* _WORK TO COMPLETE_
Repeat verbatim, and only, the lines of the data below, beginning at the line that contains "world=origin(), true_north=direction((0.0, 1.0)))" and stopping after the line that contains "BROADCAST WORKSPACE, ACOUSTIC".

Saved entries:
[Start of section]

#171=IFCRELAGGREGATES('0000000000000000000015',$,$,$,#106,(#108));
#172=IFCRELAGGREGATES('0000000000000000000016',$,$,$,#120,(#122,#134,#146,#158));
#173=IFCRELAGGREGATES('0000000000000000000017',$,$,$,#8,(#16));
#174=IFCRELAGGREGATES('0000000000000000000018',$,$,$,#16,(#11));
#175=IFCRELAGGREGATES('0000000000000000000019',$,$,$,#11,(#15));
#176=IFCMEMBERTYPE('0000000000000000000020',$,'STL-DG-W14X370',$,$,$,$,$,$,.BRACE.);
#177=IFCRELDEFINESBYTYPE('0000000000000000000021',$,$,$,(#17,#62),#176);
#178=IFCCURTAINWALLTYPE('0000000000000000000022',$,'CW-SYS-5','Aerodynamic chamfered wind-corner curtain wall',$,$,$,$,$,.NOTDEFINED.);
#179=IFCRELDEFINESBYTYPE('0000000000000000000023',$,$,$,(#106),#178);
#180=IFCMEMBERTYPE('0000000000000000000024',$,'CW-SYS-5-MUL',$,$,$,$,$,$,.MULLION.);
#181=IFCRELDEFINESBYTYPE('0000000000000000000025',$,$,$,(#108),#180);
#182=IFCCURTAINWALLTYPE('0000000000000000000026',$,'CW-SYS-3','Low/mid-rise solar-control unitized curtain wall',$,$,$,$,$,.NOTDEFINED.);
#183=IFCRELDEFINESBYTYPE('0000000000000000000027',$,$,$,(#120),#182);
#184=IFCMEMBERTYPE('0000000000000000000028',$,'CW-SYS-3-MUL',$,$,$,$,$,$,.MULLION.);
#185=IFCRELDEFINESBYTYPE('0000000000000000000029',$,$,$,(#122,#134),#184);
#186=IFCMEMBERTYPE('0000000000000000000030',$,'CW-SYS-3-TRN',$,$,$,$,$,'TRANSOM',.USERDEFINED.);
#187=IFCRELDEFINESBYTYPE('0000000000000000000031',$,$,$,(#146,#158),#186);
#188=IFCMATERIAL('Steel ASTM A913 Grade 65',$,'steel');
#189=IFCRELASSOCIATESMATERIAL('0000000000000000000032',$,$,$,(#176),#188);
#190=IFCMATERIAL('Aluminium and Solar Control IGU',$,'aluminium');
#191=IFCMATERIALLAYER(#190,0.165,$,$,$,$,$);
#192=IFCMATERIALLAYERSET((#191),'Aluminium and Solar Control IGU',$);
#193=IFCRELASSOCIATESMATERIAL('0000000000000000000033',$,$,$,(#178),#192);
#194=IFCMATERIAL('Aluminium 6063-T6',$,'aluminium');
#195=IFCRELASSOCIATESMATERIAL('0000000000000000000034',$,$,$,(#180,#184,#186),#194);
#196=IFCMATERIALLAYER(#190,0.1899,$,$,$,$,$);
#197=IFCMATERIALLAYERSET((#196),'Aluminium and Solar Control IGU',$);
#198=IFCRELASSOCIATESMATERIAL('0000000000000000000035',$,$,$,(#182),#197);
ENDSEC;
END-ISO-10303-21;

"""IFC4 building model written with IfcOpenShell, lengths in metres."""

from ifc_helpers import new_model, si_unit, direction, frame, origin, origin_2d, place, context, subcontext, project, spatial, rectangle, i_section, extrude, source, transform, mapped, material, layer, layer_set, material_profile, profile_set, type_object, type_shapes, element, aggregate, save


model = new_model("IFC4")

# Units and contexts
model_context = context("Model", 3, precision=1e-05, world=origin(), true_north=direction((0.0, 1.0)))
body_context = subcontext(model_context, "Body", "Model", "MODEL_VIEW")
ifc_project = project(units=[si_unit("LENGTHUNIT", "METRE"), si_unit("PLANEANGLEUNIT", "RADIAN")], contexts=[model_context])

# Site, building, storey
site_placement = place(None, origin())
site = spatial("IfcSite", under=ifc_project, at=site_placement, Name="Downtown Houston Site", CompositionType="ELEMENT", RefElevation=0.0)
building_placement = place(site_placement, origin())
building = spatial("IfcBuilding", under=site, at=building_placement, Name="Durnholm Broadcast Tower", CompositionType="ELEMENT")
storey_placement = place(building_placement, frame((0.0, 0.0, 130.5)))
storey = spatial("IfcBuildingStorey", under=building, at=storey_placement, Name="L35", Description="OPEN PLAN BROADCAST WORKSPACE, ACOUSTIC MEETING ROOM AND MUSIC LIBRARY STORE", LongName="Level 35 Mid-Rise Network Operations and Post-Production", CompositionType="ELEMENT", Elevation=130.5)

[End of section]
[Start of section]

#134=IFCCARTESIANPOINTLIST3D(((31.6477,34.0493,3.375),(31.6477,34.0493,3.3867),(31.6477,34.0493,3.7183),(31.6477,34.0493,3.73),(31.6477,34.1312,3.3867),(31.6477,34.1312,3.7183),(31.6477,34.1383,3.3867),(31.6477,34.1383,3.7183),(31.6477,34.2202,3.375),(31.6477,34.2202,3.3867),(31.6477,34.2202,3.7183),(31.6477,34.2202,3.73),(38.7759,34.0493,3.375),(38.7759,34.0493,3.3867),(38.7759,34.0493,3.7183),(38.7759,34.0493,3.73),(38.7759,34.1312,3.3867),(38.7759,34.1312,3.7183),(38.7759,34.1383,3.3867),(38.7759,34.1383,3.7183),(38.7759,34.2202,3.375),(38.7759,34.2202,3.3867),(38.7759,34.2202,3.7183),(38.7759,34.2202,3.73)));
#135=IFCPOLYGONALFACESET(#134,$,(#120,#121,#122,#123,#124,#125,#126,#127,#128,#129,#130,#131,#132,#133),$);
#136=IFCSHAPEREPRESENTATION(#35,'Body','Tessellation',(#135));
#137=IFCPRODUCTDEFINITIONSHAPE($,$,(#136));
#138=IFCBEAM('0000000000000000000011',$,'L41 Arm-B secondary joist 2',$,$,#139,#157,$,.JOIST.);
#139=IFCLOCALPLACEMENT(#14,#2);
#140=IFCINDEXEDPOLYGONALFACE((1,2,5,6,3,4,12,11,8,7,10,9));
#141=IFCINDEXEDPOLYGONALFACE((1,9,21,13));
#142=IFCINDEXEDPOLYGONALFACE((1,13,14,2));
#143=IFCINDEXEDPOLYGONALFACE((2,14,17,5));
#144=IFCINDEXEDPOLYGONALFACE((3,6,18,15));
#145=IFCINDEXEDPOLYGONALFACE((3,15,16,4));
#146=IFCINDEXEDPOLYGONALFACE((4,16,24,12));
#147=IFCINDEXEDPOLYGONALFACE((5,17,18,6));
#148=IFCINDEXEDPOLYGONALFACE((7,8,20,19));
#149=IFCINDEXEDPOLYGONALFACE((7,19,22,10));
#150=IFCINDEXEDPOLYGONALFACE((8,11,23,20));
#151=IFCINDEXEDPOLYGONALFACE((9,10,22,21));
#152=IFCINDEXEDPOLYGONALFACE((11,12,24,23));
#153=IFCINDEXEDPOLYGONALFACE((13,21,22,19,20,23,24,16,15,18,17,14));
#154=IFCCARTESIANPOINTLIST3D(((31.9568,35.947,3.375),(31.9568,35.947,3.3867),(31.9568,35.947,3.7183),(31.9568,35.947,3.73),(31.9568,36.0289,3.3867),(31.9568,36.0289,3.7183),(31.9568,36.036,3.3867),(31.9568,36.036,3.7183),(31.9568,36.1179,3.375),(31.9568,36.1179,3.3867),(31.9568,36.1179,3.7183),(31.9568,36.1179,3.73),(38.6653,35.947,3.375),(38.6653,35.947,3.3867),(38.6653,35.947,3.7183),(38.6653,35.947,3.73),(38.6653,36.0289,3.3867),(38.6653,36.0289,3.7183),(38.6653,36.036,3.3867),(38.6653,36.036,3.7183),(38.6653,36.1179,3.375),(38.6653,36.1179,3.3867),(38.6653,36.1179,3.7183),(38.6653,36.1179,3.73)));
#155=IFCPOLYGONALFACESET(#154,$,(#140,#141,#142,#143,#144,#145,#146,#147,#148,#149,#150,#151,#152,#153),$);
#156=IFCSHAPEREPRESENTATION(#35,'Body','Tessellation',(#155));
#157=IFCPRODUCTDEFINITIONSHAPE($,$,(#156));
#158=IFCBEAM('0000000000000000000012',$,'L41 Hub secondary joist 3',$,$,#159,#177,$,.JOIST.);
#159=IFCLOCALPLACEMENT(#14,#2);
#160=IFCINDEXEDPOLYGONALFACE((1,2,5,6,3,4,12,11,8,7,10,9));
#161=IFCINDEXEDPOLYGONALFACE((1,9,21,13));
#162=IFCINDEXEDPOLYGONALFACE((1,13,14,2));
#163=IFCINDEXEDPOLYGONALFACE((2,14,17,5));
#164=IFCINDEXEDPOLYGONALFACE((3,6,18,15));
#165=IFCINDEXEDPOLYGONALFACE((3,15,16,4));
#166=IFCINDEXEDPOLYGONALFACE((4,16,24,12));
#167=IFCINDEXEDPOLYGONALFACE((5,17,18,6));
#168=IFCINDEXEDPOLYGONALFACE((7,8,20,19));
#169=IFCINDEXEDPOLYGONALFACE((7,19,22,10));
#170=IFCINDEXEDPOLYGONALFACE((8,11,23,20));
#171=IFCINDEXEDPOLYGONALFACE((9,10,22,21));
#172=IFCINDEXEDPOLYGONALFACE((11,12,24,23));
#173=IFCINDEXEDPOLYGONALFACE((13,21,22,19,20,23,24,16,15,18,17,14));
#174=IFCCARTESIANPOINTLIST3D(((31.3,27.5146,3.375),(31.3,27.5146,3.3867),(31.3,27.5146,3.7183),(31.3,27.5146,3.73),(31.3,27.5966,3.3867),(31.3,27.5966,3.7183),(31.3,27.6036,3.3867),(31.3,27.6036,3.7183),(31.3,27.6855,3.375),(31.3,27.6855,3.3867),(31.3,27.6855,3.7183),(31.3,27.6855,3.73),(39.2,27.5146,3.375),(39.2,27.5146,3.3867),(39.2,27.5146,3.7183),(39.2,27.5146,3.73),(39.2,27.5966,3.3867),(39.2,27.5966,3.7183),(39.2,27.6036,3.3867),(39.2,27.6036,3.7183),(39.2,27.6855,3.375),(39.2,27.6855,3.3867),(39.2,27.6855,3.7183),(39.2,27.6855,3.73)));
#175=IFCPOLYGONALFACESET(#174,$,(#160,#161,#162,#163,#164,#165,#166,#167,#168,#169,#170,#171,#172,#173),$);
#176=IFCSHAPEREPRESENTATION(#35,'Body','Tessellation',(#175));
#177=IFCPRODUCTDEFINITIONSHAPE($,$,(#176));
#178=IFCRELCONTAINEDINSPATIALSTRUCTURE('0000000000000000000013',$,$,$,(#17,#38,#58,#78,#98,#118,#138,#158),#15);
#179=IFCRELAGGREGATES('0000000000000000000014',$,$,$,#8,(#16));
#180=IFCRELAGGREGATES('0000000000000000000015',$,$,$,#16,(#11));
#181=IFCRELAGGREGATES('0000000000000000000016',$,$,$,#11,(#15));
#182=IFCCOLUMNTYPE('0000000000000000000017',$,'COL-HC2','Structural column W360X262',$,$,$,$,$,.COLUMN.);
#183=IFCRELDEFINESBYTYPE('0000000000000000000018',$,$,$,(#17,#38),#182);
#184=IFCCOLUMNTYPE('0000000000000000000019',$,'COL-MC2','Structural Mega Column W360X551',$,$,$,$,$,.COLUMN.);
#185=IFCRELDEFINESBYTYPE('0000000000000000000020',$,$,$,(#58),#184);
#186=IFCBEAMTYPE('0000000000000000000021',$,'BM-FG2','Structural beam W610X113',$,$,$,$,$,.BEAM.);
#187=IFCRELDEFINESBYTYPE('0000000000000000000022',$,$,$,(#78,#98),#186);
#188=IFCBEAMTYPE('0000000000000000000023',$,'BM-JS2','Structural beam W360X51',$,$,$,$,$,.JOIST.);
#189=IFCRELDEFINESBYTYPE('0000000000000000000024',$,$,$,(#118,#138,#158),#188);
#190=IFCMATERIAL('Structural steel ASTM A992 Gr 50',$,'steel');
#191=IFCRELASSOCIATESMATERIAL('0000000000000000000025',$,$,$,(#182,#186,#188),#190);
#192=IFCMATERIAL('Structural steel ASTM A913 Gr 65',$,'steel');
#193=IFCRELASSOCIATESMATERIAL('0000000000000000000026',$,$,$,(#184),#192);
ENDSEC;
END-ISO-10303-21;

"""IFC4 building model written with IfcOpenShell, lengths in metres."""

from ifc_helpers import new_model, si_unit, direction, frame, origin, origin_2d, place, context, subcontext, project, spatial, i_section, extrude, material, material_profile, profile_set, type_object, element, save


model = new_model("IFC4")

[End of section]
[Start of section]

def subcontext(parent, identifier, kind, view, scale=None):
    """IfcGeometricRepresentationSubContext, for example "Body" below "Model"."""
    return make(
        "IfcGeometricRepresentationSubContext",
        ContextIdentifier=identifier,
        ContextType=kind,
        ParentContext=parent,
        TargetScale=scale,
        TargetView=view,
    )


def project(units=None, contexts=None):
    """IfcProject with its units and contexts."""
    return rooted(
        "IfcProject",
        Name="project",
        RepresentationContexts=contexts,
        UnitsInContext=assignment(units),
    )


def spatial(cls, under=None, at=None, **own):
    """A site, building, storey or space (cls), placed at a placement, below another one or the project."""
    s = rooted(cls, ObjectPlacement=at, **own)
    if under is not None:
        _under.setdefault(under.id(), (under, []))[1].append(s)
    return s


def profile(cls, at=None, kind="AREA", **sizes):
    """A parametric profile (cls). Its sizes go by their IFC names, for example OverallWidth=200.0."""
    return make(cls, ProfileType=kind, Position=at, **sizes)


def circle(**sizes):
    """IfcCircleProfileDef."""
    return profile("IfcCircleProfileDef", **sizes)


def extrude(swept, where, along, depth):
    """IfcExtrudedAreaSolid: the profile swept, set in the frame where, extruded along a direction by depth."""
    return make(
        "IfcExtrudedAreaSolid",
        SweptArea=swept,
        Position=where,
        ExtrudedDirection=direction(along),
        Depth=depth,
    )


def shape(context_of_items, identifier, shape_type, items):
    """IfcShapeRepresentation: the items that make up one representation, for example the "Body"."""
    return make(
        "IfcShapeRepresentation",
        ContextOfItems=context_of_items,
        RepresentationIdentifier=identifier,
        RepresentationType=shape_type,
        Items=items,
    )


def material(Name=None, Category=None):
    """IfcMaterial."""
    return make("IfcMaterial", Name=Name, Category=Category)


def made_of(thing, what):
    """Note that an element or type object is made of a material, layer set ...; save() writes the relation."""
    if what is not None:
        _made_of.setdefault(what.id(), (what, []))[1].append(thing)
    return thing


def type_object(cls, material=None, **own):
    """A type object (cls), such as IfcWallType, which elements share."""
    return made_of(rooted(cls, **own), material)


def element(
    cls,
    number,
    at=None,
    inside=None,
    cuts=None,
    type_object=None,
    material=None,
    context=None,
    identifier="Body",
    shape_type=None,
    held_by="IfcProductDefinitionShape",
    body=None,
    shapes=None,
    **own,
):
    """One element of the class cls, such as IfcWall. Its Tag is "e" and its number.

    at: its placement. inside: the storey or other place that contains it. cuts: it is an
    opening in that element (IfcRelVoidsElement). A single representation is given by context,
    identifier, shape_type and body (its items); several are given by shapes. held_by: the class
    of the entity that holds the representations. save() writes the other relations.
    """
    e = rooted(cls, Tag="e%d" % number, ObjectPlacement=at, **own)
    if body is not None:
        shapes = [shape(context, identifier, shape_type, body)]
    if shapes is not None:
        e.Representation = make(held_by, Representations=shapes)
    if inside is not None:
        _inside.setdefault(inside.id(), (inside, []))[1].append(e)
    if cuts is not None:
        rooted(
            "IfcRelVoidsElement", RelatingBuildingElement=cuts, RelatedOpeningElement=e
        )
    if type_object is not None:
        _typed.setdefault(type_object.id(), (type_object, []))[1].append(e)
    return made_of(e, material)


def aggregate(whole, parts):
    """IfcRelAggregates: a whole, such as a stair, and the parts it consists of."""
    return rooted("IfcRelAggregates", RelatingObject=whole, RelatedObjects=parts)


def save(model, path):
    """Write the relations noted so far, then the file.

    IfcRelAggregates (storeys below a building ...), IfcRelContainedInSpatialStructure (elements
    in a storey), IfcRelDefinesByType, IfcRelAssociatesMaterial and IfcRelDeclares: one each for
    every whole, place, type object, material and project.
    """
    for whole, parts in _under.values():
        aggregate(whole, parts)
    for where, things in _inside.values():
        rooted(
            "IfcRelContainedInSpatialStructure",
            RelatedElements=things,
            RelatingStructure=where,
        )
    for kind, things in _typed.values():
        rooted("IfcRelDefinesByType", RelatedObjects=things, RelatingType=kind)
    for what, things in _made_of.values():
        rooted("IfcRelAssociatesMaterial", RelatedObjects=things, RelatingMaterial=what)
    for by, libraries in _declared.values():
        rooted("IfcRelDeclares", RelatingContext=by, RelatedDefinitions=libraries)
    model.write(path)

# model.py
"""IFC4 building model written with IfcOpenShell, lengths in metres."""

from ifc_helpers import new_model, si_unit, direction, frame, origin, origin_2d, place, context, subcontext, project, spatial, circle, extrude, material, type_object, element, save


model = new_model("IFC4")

[End of section]

* _SOLUTION_
model_context = context("Model", 3, precision=1e-05, world=origin(), true_north=direction((0.0, 1.0)))
body_context = subcontext(model_context, "Body", "Model", "MODEL_VIEW")
ifc_project = project(units=[si_unit("LENGTHUNIT", "METRE"), si_unit("PLANEANGLEUNIT", "RADIAN")], contexts=[model_context])

# Site, building, storey
site_placement = place(None, origin())
site = spatial("IfcSite", under=ifc_project, at=site_placement, Name="Downtown Houston Site", CompositionType="ELEMENT", RefElevation=0.0)
building_placement = place(site_placement, origin())
building = spatial("IfcBuilding", under=site, at=building_placement, Name="Durnholm Broadcast Tower", CompositionType="ELEMENT")
storey_placement = place(building_placement, frame((0.0, 0.0, 130.5)))
storey = spatial("IfcBuildingStorey", under=building, at=storey_placement, Name="L35", Description="OPEN PLAN BROADCAST WORKSPACE, ACOUSTIC MEETING ROOM AND MUSIC LIBRARY STORE", LongName="Level 35 Mid-Rise Network Operations and Post-Production", CompositionType="ELEMENT", Elevation=130.5)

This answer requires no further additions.